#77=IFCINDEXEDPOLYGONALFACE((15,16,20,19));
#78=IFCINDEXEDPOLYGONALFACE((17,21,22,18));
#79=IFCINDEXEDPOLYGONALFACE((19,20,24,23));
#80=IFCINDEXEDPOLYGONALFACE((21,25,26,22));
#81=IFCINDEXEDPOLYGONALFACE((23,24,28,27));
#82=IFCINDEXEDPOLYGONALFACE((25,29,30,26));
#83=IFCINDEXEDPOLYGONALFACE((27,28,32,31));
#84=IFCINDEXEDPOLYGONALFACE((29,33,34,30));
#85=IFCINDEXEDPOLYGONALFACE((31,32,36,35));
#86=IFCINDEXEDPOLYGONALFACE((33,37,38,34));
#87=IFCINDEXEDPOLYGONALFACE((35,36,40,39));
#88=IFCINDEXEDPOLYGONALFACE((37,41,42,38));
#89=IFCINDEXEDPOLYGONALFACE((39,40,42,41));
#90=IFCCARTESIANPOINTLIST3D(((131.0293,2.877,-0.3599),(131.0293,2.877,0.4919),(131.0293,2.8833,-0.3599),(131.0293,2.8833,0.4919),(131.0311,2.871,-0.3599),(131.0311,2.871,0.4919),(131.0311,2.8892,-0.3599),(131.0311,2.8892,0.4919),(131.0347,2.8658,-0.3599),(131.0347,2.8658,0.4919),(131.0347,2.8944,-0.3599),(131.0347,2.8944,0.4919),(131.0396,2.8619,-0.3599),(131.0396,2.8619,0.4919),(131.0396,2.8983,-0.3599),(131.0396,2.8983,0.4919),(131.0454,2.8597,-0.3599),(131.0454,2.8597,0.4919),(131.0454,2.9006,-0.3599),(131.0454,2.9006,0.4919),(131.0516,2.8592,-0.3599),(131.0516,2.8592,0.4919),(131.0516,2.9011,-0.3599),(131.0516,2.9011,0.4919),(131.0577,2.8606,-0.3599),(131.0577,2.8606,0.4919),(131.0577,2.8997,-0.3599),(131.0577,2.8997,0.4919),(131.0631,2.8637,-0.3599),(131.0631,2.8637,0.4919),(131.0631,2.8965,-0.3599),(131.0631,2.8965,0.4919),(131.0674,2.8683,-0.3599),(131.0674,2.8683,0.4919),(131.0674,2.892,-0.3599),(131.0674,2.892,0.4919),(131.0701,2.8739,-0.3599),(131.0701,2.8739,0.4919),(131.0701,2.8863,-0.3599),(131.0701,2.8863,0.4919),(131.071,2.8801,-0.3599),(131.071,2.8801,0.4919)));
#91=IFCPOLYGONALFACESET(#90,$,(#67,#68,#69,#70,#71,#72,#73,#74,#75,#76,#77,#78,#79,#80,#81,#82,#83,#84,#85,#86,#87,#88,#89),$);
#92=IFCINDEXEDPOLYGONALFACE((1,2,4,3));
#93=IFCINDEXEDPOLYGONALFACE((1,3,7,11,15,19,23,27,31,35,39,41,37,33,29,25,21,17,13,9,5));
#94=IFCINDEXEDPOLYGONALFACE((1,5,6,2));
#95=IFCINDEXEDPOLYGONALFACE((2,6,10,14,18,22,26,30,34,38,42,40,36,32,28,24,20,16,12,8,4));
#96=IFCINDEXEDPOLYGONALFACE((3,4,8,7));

::::

* THE PROBLEM: Print exactly the lines of the listing above starting at the line containing "#78=IFCINDEXEDPOLYGONALFACE((17,21,22,18));" and ending at the line containing "#89=IFCINDEXEDPOLYGONALFACE((39,40,42,41));", both included.

* EXERCISE RESULT:
#78=IFCINDEXEDPOLYGONALFACE((17,21,22,18));
#79=IFCINDEXEDPOLYGONALFACE((19,20,24,23));
#80=IFCINDEXEDPOLYGONALFACE((21,25,26,22));
#81=IFCINDEXEDPOLYGONALFACE((23,24,28,27));
#82=IFCINDEXEDPOLYGONALFACE((25,29,30,26));
#83=IFCINDEXEDPOLYGONALFACE((27,28,32,31));
#84=IFCINDEXEDPOLYGONALFACE((29,33,34,30));
#85=IFCINDEXEDPOLYGONALFACE((31,32,36,35));
#86=IFCINDEXEDPOLYGONALFACE((33,37,38,34));
#87=IFCINDEXEDPOLYGONALFACE((35,36,40,39));
#88=IFCINDEXEDPOLYGONALFACE((37,41,42,38));
#89=IFCINDEXEDPOLYGONALFACE((39,40,42,41));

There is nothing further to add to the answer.